▸ Problem to work on
What follows is a set of records. Repeat every one of them exactly.

START Provided records

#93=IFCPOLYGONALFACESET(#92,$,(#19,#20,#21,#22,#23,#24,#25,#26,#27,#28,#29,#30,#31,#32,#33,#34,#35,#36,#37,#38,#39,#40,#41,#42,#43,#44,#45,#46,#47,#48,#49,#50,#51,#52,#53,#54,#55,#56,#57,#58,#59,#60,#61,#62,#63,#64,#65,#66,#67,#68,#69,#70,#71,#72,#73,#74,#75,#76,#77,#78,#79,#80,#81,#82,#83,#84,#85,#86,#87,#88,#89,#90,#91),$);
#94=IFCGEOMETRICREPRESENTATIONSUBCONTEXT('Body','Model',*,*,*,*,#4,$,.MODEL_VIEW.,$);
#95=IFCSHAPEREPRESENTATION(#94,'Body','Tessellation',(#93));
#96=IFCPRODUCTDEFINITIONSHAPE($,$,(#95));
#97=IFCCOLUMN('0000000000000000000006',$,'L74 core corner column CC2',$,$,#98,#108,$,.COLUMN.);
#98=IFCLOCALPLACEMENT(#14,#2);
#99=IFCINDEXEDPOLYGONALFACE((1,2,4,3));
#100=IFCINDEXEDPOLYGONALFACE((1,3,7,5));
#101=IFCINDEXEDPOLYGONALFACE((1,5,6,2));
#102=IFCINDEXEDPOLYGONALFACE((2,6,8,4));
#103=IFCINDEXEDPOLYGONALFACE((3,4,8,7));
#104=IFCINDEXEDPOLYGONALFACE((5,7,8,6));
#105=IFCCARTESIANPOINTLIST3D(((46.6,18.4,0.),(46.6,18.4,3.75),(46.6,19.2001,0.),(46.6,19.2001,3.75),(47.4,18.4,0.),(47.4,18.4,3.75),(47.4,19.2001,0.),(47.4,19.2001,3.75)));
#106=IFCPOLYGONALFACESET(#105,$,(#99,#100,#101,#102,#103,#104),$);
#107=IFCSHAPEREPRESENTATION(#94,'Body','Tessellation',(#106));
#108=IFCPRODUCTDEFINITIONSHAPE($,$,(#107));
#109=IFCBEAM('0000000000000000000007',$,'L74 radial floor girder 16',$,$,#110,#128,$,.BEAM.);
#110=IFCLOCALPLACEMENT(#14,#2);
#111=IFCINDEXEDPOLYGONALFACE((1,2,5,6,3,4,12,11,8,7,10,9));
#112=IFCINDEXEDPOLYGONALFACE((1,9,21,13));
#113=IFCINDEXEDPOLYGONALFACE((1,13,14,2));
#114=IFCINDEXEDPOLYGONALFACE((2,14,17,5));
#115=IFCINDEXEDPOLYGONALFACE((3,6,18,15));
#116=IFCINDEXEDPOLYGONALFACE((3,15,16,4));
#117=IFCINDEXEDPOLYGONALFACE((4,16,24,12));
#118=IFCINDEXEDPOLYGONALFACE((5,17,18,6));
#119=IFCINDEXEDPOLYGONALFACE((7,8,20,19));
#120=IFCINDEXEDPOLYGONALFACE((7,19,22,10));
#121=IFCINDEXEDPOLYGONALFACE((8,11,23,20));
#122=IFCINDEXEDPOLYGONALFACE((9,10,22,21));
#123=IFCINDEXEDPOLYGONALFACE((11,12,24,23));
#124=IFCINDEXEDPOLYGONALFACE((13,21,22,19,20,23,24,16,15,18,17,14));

END Provided records

▸ Exercise output
#93=IFCPOLYGONALFACESET(#92,$,(#19,#20,#21,#22,#23,#24,#25,#26,#27,#28,#29,#30,#31,#32,#33,#34,#35,#36,#37,#38,#39,#40,#41,#42,#43,#44,#45,#46,#47,#48,#49,#50,#51,#52,#53,#54,#55,#56,#57,#58,#59,#60,#61,#62,#63,#64,#65,#66,#67,#68,#69,#70,#71,#72,#73,#74,#75,#76,#77,#78,#79,#80,#81,#82,#83,#84,#85,#86,#87,#88,#89,#90,#91),$);
#94=IFCGEOMETRICREPRESENTATIONSUBCONTEXT('Body','Model',*,*,*,*,#4,$,.MODEL_VIEW.,$);
#95=IFCSHAPEREPRESENTATION(#94,'Body','Tessellation',(#93));
#96=IFCPRODUCTDEFINITIONSHAPE($,$,(#95));
#97=IFCCOLUMN('0000000000000000000006',$,'L74 core corner column CC2',$,$,#98,#108,$,.COLUMN.);
#98=IFCLOCALPLACEMENT(#14,#2);
#99=IFCINDEXEDPOLYGONALFACE((1,2,4,3));
#100=IFCINDEXEDPOLYGONALFACE((1,3,7,5));
#101=IFCINDEXEDPOLYGONALFACE((1,5,6,2));
#102=IFCINDEXEDPOLYGONALFACE((2,6,8,4));
#103=IFCINDEXEDPOLYGONALFACE((3,4,8,7));
#104=IFCINDEXEDPOLYGONALFACE((5,7,8,6));
#105=IFCCARTESIANPOINTLIST3D(((46.6,18.4,0.),(46.6,18.4,3.75),(46.6,19.2001,0.),(46.6,19.2001,3.75),(47.4,18.4,0.),(47.4,18.4,3.75),(47.4,19.2001,0.),(47.4,19.2001,3.75)));
#106=IFCPOLYGONALFACESET(#105,$,(#99,#100,#101,#102,#103,#104),$);
#107=IFCSHAPEREPRESENTATION(#94,'Body','Tessellation',(#106));
#108=IFCPRODUCTDEFINITIONSHAPE($,$,(#107));
#109=IFCBEAM('0000000000000000000007',$,'L74 radial floor girder 16',$,$,#110,#128,$,.BEAM.);
#110=IFCLOCALPLACEMENT(#14,#2);
#111=IFCINDEXEDPOLYGONALFACE((1,2,5,6,3,4,12,11,8,7,10,9));
#112=IFCINDEXEDPOLYGONALFACE((1,9,21,13));
#113=IFCINDEXEDPOLYGONALFACE((1,13,14,2));
#114=IFCINDEXEDPOLYGONALFACE((2,14,17,5));
#115=IFCINDEXEDPOLYGONALFACE((3,6,18,15));
#116=IFCINDEXEDPOLYGONALFACE((3,15,16,4));
#117=IFCINDEXEDPOLYGONALFACE((4,16,24,12));
#118=IFCINDEXEDPOLYGONALFACE((5,17,18,6));
#119=IFCINDEXEDPOLYGONALFACE((7,8,20,19));
#120=IFCINDEXEDPOLYGONALFACE((7,19,22,10));
#121=IFCINDEXEDPOLYGONALFACE((8,11,23,20));
#122=IFCINDEXEDPOLYGONALFACE((9,10,22,21));
#123=IFCINDEXEDPOLYGONALFACE((11,12,24,23));
#124=IFCINDEXEDPOLYGONALFACE((13,21,22,19,20,23,24,16,15,18,17,14));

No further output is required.